══ RECORDS SHOWN ══

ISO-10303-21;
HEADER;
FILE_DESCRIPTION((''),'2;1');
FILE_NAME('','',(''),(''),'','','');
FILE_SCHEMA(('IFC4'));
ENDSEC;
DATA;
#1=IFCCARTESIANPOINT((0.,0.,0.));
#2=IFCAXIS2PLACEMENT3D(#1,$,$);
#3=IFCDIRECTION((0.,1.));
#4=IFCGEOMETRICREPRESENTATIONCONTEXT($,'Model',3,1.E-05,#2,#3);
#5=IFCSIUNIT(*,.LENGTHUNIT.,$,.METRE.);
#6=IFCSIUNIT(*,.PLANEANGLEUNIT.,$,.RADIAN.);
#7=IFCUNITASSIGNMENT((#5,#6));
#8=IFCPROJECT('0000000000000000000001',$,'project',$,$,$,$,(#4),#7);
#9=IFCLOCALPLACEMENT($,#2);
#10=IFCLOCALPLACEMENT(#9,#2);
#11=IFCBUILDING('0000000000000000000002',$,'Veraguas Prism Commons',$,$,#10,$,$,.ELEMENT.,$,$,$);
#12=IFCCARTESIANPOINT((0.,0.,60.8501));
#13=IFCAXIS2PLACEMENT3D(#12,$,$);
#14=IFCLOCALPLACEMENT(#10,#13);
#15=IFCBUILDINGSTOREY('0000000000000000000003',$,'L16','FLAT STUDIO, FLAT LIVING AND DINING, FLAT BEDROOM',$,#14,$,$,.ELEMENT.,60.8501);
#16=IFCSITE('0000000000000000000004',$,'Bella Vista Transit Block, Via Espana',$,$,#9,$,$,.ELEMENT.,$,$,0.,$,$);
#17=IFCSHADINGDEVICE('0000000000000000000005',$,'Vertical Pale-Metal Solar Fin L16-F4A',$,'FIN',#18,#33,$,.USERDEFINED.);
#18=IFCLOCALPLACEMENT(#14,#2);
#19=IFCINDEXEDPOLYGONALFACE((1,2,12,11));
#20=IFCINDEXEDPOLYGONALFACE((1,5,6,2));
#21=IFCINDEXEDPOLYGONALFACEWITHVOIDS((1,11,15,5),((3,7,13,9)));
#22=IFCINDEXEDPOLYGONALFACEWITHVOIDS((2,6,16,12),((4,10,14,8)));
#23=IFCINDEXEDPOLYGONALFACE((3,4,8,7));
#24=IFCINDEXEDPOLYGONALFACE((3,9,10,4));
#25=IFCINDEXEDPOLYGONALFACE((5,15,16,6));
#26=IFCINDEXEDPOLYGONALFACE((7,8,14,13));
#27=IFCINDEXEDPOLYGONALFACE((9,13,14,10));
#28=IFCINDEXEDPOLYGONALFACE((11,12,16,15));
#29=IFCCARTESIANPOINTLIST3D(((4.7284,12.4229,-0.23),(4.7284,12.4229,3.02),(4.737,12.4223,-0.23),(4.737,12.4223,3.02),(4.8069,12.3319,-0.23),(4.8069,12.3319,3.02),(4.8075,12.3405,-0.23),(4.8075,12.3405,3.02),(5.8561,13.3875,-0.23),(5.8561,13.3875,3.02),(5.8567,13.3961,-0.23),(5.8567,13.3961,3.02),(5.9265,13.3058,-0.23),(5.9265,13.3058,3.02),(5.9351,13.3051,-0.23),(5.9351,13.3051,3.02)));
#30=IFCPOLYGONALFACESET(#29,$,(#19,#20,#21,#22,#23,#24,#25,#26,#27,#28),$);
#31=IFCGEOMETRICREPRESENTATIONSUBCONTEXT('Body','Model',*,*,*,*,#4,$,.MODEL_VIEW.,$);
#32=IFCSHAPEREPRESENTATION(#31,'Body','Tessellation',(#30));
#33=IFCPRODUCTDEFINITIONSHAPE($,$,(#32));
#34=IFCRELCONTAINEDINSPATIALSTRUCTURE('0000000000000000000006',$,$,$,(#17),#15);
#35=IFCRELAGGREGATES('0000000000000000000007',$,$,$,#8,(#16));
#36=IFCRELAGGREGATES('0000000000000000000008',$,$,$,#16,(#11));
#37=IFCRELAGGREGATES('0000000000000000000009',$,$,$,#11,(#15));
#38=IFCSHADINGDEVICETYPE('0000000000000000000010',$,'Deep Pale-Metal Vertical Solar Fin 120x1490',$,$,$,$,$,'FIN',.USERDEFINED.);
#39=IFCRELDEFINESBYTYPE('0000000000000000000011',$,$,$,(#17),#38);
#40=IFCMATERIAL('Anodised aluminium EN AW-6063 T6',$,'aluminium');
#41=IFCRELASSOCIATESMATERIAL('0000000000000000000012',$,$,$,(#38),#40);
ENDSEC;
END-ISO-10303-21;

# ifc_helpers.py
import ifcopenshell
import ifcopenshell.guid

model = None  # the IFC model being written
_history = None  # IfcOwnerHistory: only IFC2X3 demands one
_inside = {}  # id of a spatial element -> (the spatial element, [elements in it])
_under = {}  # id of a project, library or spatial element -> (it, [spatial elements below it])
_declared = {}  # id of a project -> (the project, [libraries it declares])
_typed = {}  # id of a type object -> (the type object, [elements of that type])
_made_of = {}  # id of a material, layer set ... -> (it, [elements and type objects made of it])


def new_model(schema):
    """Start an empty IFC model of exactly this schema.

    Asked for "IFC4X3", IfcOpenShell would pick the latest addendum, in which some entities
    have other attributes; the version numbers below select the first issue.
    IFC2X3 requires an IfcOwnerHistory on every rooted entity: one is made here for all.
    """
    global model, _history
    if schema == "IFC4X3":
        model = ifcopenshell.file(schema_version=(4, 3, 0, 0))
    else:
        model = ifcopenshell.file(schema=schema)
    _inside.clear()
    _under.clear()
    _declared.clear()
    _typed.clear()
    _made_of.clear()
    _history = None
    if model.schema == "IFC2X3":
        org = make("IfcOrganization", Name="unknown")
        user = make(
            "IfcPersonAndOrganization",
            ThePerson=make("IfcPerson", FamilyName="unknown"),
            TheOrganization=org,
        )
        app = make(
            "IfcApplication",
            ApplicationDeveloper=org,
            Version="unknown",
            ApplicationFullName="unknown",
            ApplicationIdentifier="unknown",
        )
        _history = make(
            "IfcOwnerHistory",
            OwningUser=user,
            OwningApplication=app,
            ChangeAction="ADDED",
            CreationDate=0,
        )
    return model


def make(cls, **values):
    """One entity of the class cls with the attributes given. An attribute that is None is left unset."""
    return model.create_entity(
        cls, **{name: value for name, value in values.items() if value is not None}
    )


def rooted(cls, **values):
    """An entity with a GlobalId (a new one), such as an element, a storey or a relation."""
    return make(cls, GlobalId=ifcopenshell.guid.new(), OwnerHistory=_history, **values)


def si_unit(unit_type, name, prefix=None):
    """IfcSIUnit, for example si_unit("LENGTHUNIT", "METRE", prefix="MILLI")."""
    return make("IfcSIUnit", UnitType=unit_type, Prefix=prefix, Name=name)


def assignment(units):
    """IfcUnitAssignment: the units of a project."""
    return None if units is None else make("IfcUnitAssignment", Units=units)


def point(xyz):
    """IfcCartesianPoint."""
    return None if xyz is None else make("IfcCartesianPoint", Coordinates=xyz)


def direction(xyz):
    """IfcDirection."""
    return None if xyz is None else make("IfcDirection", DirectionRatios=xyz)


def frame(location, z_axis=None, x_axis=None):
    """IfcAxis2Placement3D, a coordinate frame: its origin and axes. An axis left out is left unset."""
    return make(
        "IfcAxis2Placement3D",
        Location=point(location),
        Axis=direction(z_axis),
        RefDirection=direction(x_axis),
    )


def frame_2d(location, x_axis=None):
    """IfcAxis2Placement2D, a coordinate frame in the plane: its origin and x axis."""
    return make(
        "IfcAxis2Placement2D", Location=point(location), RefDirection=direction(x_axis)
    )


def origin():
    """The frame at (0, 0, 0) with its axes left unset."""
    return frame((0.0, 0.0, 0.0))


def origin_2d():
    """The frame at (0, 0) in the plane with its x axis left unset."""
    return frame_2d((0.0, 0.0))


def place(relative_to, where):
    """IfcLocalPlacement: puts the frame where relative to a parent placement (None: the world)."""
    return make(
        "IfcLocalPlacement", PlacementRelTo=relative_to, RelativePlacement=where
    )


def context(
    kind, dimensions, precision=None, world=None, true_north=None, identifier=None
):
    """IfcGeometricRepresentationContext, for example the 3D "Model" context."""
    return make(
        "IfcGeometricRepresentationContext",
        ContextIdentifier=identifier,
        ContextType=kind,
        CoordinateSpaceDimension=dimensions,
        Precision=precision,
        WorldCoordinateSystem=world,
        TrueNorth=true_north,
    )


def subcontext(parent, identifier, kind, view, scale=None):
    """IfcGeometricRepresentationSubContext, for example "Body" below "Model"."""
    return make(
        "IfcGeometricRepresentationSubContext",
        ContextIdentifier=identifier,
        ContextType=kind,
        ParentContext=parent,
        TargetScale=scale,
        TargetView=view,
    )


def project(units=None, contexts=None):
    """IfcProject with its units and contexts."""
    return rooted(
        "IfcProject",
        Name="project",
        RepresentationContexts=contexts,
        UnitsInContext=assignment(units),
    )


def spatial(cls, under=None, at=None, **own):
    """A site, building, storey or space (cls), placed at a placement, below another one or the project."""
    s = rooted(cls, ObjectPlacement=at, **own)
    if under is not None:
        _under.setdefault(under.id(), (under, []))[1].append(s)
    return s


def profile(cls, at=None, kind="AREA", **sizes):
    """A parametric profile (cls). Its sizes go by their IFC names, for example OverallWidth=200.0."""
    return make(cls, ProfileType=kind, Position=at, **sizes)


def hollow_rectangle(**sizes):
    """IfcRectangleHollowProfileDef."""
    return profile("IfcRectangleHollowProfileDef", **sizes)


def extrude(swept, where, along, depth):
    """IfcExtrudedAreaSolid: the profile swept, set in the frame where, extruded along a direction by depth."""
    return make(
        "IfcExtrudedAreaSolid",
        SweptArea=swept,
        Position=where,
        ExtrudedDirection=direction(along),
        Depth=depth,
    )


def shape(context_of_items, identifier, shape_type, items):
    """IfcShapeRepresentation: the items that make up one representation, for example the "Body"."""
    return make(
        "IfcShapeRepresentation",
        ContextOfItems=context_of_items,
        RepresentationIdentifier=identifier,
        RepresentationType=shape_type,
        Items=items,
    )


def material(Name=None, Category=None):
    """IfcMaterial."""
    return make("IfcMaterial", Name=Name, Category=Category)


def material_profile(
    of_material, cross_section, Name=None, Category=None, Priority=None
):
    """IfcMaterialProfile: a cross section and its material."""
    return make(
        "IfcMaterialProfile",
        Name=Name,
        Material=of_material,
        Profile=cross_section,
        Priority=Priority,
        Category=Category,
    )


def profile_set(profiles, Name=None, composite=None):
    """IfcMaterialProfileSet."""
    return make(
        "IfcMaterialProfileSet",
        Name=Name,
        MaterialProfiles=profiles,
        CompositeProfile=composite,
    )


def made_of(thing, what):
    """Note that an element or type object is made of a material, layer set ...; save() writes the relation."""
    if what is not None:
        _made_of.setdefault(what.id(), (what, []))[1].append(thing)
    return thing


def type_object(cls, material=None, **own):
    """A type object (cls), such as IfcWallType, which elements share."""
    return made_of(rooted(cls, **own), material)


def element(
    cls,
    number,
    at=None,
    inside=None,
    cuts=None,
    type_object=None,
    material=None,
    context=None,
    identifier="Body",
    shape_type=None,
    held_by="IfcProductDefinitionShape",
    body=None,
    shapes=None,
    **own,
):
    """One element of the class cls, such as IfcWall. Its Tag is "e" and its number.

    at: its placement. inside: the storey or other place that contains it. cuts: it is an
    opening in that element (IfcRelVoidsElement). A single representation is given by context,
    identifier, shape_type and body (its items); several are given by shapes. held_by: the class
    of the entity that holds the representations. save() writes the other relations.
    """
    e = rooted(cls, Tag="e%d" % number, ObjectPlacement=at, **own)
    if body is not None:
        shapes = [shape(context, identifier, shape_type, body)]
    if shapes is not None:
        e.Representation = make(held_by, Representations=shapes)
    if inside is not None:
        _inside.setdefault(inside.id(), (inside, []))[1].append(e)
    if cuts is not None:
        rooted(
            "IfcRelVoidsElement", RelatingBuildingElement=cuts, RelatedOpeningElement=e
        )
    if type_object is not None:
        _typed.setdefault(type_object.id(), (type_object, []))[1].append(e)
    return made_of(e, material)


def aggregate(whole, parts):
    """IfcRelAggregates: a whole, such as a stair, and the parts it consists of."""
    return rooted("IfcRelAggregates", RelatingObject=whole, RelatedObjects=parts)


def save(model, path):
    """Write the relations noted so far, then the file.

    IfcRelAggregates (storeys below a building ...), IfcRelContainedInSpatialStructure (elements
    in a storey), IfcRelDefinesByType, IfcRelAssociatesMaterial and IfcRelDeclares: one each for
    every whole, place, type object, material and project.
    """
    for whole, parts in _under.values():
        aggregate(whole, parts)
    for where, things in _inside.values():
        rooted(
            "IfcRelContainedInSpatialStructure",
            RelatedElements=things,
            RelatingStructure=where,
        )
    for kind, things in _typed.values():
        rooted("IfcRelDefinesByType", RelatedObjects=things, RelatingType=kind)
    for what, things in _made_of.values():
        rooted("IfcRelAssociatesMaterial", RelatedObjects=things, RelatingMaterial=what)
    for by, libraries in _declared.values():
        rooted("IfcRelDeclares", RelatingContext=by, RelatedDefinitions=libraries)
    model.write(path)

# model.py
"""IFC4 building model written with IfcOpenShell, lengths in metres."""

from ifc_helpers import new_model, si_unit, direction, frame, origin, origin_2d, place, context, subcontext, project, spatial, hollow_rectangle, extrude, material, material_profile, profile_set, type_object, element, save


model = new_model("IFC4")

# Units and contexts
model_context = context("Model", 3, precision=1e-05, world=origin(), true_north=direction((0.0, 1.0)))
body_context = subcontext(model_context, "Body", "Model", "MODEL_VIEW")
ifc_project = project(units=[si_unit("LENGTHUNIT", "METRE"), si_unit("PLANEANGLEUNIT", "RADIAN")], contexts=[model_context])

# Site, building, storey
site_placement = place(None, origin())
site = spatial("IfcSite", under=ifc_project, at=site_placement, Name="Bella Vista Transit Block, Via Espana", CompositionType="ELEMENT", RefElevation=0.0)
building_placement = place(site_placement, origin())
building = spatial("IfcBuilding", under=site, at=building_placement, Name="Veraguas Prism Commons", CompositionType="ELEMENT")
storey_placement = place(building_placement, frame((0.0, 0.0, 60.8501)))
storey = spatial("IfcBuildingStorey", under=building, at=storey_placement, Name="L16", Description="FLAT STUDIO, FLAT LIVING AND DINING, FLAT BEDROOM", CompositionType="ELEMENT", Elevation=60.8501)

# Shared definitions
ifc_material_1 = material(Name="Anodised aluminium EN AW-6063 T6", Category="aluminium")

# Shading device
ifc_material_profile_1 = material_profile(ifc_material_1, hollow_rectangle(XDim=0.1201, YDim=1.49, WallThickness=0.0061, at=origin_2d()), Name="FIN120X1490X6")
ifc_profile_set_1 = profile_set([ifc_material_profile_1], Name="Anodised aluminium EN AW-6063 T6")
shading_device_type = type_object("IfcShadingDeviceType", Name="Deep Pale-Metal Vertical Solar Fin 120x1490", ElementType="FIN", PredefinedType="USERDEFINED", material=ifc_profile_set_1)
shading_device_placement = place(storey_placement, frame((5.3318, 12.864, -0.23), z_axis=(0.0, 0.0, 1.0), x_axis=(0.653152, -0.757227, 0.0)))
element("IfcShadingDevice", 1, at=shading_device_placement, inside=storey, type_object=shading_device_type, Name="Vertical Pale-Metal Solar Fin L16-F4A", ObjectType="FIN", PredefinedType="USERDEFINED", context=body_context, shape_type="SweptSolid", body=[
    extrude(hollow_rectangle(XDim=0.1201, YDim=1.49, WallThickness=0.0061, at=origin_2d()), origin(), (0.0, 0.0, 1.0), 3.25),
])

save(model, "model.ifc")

═══

_TASK REQUIREMENTS_
In the records, which lines use the word "composite"? Report them.

_EXERCISE OUTPUT_
def profile_set(profiles, Name=None, composite=None):
        CompositeProfile=composite,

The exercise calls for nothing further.